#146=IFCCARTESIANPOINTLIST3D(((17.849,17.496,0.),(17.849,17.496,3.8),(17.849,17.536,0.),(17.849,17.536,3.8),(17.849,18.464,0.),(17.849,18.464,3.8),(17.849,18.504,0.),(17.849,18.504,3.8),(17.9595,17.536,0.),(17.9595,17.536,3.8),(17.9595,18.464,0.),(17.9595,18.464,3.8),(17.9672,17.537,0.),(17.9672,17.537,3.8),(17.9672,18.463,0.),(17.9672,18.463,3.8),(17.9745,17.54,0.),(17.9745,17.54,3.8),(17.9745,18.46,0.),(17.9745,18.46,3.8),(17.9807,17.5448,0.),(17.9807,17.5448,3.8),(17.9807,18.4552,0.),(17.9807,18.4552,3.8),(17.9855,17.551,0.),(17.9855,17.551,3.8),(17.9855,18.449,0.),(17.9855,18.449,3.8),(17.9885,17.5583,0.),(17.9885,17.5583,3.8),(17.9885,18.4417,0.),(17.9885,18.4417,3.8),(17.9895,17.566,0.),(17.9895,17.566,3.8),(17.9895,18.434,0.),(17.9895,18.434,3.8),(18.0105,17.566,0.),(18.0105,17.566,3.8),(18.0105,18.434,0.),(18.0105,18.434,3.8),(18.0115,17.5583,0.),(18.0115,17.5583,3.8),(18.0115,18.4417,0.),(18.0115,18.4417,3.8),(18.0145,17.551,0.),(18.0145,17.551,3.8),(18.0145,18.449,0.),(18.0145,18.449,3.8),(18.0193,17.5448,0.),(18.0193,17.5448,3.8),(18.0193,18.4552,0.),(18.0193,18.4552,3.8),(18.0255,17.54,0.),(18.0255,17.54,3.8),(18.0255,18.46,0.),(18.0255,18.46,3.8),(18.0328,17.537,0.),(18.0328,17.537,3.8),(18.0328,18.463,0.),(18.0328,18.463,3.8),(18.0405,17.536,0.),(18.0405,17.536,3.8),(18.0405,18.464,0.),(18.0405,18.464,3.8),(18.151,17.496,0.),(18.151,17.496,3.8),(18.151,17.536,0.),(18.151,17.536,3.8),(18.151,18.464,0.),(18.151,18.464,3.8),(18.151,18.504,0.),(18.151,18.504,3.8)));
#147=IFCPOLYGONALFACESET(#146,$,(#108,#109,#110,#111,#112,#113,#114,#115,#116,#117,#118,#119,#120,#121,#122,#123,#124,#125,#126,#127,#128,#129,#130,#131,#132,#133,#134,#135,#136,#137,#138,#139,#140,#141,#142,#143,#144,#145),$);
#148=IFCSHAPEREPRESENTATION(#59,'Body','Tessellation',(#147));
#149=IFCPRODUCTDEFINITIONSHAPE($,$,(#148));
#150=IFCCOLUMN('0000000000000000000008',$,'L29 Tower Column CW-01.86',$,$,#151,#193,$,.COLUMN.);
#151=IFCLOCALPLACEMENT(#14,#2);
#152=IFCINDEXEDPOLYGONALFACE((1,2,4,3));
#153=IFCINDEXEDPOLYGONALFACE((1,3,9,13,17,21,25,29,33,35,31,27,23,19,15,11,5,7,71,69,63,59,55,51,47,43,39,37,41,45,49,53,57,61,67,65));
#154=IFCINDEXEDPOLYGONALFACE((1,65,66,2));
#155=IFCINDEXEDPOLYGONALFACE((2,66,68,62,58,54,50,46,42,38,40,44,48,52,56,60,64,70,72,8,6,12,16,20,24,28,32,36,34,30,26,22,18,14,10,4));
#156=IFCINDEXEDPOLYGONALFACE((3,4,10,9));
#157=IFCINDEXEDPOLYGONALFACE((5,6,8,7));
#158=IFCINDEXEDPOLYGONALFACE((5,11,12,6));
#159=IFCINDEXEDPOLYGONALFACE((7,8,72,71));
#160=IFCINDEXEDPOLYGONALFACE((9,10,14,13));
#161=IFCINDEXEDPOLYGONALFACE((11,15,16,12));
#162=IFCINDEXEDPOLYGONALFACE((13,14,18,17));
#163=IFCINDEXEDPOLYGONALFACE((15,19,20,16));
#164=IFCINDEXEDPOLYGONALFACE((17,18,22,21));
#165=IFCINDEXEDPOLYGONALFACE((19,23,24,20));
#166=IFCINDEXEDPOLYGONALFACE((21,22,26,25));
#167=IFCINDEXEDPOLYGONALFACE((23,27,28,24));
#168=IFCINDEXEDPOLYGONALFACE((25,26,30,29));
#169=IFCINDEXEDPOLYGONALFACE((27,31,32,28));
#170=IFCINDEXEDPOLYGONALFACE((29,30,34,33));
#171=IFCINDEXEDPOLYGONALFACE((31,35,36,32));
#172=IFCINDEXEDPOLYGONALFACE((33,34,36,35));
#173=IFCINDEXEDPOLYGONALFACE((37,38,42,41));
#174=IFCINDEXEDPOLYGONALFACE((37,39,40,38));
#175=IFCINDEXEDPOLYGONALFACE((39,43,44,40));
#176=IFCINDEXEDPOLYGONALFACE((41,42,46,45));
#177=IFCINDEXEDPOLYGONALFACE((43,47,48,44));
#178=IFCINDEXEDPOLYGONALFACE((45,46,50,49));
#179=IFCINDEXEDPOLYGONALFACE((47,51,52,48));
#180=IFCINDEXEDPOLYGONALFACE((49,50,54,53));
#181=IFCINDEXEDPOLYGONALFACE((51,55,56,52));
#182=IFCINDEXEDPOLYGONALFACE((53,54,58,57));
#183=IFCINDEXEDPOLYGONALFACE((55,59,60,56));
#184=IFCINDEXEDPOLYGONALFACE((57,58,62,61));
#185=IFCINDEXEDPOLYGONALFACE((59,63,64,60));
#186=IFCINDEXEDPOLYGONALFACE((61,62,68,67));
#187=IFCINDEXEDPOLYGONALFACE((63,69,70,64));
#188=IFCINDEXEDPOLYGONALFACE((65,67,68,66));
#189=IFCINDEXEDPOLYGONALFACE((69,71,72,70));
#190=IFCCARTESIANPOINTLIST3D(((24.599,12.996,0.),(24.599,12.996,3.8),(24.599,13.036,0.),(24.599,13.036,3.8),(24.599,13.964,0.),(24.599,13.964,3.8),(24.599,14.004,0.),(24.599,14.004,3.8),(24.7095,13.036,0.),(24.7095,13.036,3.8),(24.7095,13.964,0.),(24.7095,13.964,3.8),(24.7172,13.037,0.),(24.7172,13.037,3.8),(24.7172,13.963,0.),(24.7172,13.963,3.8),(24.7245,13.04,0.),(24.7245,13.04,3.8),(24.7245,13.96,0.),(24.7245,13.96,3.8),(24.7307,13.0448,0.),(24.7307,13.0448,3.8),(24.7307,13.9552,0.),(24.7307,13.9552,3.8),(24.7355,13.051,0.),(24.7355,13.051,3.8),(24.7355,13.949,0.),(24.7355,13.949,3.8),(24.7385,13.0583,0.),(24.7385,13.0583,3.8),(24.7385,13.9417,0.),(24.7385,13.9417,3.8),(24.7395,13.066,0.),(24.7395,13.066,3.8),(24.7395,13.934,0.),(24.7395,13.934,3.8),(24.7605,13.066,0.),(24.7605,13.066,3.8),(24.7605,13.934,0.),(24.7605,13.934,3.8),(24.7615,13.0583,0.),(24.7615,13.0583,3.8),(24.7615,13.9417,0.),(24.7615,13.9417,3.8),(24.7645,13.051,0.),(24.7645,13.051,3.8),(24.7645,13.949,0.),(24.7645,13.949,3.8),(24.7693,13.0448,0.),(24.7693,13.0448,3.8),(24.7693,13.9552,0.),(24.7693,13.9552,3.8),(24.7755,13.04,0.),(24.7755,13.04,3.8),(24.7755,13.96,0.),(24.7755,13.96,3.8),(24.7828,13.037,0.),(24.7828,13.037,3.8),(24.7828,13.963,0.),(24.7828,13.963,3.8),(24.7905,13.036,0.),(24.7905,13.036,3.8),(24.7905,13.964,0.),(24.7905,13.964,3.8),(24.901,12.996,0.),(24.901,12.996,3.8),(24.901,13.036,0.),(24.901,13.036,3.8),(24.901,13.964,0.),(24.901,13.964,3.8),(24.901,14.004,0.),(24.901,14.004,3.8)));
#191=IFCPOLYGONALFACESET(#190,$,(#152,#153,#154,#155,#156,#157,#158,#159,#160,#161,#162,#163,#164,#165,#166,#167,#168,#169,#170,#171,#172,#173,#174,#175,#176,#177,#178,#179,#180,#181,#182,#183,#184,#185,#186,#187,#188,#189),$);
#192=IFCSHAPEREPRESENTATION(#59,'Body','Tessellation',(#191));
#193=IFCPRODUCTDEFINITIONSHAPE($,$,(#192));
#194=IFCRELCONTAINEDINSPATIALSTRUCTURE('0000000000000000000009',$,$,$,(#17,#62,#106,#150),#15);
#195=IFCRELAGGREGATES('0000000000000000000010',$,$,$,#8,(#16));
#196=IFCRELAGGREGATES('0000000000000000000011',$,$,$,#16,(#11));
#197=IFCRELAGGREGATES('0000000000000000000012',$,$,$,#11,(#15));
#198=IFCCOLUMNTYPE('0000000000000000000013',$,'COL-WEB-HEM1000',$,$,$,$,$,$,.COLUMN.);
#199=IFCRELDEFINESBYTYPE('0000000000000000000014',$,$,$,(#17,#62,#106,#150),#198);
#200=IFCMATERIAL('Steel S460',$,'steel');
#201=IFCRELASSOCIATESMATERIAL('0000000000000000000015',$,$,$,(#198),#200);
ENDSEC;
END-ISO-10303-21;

---

=== WHAT TO WORK ON ===
Could you return exactly the stretch of the data above that starts at the line with "#168=IFCINDEXEDPOLYGONALFACE((25,26,30,29));" and ends at the line with "#188=IFCINDEXEDPOLYGONALFACE((65,67,68,66));", both lines included?

=== SOLUTION TO THIS TASK ===
#168=IFCINDEXEDPOLYGONALFACE((25,26,30,29));
#169=IFCINDEXEDPOLYGONALFACE((27,31,32,28));
#170=IFCINDEXEDPOLYGONALFACE((29,30,34,33));
#171=IFCINDEXEDPOLYGONALFACE((31,35,36,32));
#172=IFCINDEXEDPOLYGONALFACE((33,34,36,35));
#173=IFCINDEXEDPOLYGONALFACE((37,38,42,41));
#174=IFCINDEXEDPOLYGONALFACE((37,39,40,38));
#175=IFCINDEXEDPOLYGONALFACE((39,43,44,40));
#176=IFCINDEXEDPOLYGONALFACE((41,42,46,45));
#177=IFCINDEXEDPOLYGONALFACE((43,47,48,44));
#178=IFCINDEXEDPOLYGONALFACE((45,46,50,49));
#179=IFCINDEXEDPOLYGONALFACE((47,51,52,48));
#180=IFCINDEXEDPOLYGONALFACE((49,50,54,53));
#181=IFCINDEXEDPOLYGONALFACE((51,55,56,52));
#182=IFCINDEXEDPOLYGONALFACE((53,54,58,57));
#183=IFCINDEXEDPOLYGONALFACE((55,59,60,56));
#184=IFCINDEXEDPOLYGONALFACE((57,58,62,61));
#185=IFCINDEXEDPOLYGONALFACE((59,63,64,60));
#186=IFCINDEXEDPOLYGONALFACE((61,62,68,67));
#187=IFCINDEXEDPOLYGONALFACE((63,69,70,64));
#188=IFCINDEXEDPOLYGONALFACE((65,67,68,66));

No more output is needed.